ASSIGNMENT
For the data below, give again exactly the lines from the one containing "#56=IFCINDEXEDPOLYGONALFACE((1,2,4,3));" through the one containing "hood 55 mm',$,$,$,$,$,.CLADDING.);", both ends included, and no others.

(Collected data)
-----
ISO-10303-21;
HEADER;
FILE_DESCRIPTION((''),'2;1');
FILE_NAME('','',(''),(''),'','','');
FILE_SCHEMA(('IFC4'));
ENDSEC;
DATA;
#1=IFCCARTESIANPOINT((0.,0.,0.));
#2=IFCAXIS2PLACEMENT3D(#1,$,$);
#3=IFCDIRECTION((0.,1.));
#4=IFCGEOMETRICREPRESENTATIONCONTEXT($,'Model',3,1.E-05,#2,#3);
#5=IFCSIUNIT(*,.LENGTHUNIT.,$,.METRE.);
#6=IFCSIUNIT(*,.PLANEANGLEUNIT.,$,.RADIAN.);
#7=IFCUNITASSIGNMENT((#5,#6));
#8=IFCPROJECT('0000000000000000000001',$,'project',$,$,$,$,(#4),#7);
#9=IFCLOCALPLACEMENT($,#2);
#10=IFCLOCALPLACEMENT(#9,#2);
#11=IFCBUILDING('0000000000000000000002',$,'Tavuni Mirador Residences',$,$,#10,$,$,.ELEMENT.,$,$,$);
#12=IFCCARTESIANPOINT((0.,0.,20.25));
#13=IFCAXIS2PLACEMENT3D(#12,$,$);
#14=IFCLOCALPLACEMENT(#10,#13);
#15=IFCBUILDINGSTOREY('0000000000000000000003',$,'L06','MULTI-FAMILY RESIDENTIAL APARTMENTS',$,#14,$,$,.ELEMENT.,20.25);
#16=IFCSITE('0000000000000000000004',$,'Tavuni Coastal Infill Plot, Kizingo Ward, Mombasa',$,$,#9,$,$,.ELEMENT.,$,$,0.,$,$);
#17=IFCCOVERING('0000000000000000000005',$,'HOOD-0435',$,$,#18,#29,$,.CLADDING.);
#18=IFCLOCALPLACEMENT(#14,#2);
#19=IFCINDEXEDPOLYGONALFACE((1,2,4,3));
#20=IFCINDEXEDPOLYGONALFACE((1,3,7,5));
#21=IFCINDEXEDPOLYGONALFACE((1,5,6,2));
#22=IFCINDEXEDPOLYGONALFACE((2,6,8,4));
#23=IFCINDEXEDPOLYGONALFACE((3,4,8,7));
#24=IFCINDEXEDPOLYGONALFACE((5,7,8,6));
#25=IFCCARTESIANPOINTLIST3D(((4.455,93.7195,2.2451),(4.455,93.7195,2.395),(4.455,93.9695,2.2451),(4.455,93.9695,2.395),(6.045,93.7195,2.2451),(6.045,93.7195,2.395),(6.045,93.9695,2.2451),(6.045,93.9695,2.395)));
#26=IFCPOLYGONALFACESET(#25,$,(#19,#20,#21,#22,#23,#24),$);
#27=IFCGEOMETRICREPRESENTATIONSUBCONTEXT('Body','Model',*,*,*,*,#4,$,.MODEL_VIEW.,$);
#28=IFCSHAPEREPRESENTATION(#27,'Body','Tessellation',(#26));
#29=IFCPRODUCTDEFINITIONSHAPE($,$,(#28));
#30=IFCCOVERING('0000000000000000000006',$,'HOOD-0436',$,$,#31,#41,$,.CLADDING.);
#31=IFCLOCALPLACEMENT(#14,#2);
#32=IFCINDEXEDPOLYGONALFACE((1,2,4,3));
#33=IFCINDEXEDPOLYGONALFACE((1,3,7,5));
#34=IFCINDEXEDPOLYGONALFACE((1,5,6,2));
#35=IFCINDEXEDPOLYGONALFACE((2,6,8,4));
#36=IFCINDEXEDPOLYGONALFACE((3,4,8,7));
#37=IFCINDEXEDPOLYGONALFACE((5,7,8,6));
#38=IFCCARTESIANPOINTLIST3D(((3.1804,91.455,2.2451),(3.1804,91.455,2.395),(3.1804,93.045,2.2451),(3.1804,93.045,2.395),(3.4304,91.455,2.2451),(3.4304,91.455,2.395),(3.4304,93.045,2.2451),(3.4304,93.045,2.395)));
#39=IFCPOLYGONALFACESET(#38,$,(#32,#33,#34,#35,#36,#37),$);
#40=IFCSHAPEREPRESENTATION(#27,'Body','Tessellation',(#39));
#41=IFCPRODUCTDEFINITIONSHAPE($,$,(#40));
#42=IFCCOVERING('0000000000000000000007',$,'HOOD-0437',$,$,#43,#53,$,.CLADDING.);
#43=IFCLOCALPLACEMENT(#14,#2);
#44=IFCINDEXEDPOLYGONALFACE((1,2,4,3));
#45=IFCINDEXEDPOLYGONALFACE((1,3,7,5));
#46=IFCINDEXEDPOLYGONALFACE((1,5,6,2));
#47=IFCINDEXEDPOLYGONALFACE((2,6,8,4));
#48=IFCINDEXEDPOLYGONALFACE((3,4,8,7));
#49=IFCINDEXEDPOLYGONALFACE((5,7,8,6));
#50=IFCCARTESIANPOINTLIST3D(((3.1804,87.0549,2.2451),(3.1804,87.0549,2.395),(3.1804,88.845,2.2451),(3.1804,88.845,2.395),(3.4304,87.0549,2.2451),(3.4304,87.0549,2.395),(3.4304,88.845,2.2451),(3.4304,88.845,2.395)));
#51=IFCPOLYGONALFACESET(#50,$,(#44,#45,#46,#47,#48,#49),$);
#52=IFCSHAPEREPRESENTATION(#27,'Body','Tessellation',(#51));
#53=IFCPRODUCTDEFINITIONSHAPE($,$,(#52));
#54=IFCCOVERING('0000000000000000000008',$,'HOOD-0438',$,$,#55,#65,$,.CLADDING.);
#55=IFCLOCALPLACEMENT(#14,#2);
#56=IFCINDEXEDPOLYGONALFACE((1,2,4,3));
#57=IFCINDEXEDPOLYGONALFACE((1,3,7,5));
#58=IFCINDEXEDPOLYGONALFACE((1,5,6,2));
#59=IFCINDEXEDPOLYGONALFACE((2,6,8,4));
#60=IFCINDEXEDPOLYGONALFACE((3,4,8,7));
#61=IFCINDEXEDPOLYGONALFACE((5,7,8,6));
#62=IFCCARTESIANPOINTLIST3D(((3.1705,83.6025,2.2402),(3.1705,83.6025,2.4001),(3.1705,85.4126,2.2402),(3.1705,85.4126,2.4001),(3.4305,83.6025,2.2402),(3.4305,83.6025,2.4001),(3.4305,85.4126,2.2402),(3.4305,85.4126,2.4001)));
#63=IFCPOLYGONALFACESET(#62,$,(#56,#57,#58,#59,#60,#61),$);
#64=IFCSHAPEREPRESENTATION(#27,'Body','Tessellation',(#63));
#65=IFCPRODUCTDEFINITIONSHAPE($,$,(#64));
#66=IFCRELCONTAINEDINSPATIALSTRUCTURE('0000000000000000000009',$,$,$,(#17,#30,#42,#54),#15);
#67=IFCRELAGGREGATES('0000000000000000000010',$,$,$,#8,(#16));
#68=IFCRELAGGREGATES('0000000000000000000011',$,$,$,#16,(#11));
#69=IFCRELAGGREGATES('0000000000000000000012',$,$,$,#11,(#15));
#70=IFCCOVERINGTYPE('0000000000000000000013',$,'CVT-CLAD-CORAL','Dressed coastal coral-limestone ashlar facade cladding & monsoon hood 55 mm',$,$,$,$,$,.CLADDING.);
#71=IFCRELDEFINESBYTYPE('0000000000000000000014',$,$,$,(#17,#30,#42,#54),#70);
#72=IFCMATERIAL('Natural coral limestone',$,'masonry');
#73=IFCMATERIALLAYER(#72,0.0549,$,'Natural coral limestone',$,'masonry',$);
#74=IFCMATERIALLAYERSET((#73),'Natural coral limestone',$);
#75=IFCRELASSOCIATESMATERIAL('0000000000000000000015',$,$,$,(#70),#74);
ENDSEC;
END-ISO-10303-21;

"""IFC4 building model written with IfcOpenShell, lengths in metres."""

from ifc_helpers import new_model, si_unit, direction, frame, origin, origin_2d, place, context, subcontext, project, spatial, rectangle, extrude, material, layer, layer_set, type_object, element, save


model = new_model("IFC4")

# Units and contexts
model_context = context("Model", 3, precision=1e-05, world=origin(), true_north=direction((0.0, 1.0)))
body_context = subcontext(model_context, "Body", "Model", "MODEL_VIEW")
ifc_project = project(units=[si_unit("LENGTHUNIT", "METRE"), si_unit("PLANEANGLEUNIT", "RADIAN")], contexts=[model_context])

# Site, building, storey
site_placement = place(None, origin())
site = spatial("IfcSite", under=ifc_project, at=site_placement, Name="Tavuni Coastal Infill Plot, Kizingo Ward, Mombasa", CompositionType="ELEMENT", RefElevation=0.0)
building_placement = place(site_placement, origin())
building = spatial("IfcBuilding", under=site, at=building_placement, Name="Tavuni Mirador Residences", CompositionType="ELEMENT")
storey_placement = place(building_placement, frame((0.0, 0.0, 20.25)))
storey = spatial("IfcBuildingStorey", under=building, at=storey_placement, Name="L06", Description="MULTI-FAMILY RESIDENTIAL APARTMENTS", CompositionType="ELEMENT", Elevation=20.25)

# Coverings
ifc_material_1 = material(Name="Natural coral limestone", Category="masonry")
ifc_layer_1 = layer(ifc_material_1, 0.0549, Name="Natural coral limestone", Category="masonry")
ifc_layer_set_1 = layer_set([ifc_layer_1], Name="Natural coral limestone")
covering_type = type_object("IfcCoveringType", Name="CVT-CLAD-CORAL", Description="Dressed coastal coral-limestone ashlar facade cladding & monsoon hood 55 mm", PredefinedType="CLADDING", material=ifc_layer_set_1)
for number, where, z_axis, x_axis, name in (
    (1, (5.25, 93.8445, 2.2451), (0.0, 0.0, 1.0), (-1.0, 0.0, 0.0), "HOOD-0435"),
    (2, (3.3054, 92.25, 2.2451), (0.0, 0.0, 1.0), (0.0, -1.0, 0.0), "HOOD-0436"),
):
    element("IfcCovering", number, at=place(storey_placement, frame(where, z_axis=z_axis, x_axis=x_axis)), inside=storey, type_object=covering_type, Name=name, PredefinedType="CLADDING", context=body_context, shape_type="SweptSolid", body=[
        extrude(rectangle(XDim=1.5901, YDim=0.25, at=origin_2d()), origin(), (0.0, 0.0, 1.0), 0.1499),
    ])
covering_1_placement = place(storey_placement, frame((3.3054, 87.95, 2.2451), z_axis=(0.0, 0.0, 1.0), x_axis=(0.0, -1.0, 0.0)))
element("IfcCovering", 3, at=covering_1_placement, inside=storey, type_object=covering_type, Name="HOOD-0437", PredefinedType="CLADDING", context=body_context, shape_type="SweptSolid", body=[
    extrude(rectangle(XDim=1.79, YDim=0.25, at=origin_2d()), origin(), (0.0, 0.0, 1.0), 0.1499),
])
covering_2_placement = place(storey_placement, frame((3.3005, 84.5076, 2.2402), z_axis=(0.0, 0.0, 1.0), x_axis=(0.0, -1.0, 0.0)))
element("IfcCovering", 4, at=covering_2_placement, inside=storey, type_object=covering_type, Name="HOOD-0438", PredefinedType="CLADDING", context=body_context, shape_type="SweptSolid", body=[
    extrude(rectangle(XDim=1.8101, YDim=0.26, at=origin_2d()), origin(), (0.0, 0.0, 1.0), 0.1599),
])

save(model, "model.ifc")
-----
EXPECTED ANSWER
#56=IFCINDEXEDPOLYGONALFACE((1,2,4,3));
#57=IFCINDEXEDPOLYGONALFACE((1,3,7,5));
#58=IFCINDEXEDPOLYGONALFACE((1,5,6,2));
#59=IFCINDEXEDPOLYGONALFACE((2,6,8,4));
#60=IFCINDEXEDPOLYGONALFACE((3,4,8,7));
#61=IFCINDEXEDPOLYGONALFACE((5,7,8,6));
#62=IFCCARTESIANPOINTLIST3D(((3.1705,83.6025,2.2402),(3.1705,83.6025,2.4001),(3.1705,85.4126,2.2402),(3.1705,85.4126,2.4001),(3.4305,83.6025,2.2402),(3.4305,83.6025,2.4001),(3.4305,85.4126,2.2402),(3.4305,85.4126,2.4001)));
#63=IFCPOLYGONALFACESET(#62,$,(#56,#57,#58,#59,#60,#61),$);
#64=IFCSHAPEREPRESENTATION(#27,'Body','Tessellation',(#63));
#65=IFCPRODUCTDEFINITIONSHAPE($,$,(#64));
#66=IFCRELCONTAINEDINSPATIALSTRUCTURE('0000000000000000000009',$,$,$,(#17,#30,#42,#54),#15);
#67=IFCRELAGGREGATES('0000000000000000000010',$,$,$,#8,(#16));
#68=IFCRELAGGREGATES('0000000000000000000011',$,$,$,#16,(#11));
#69=IFCRELAGGREGATES('0000000000000000000012',$,$,$,#11,(#15));
#70=IFCCOVERINGTYPE('0000000000000000000013',$,'CVT-CLAD-CORAL','Dressed coastal coral-limestone ashlar facade cladding & monsoon hood 55 mm',$,$,$,$,$,.CLADDING.);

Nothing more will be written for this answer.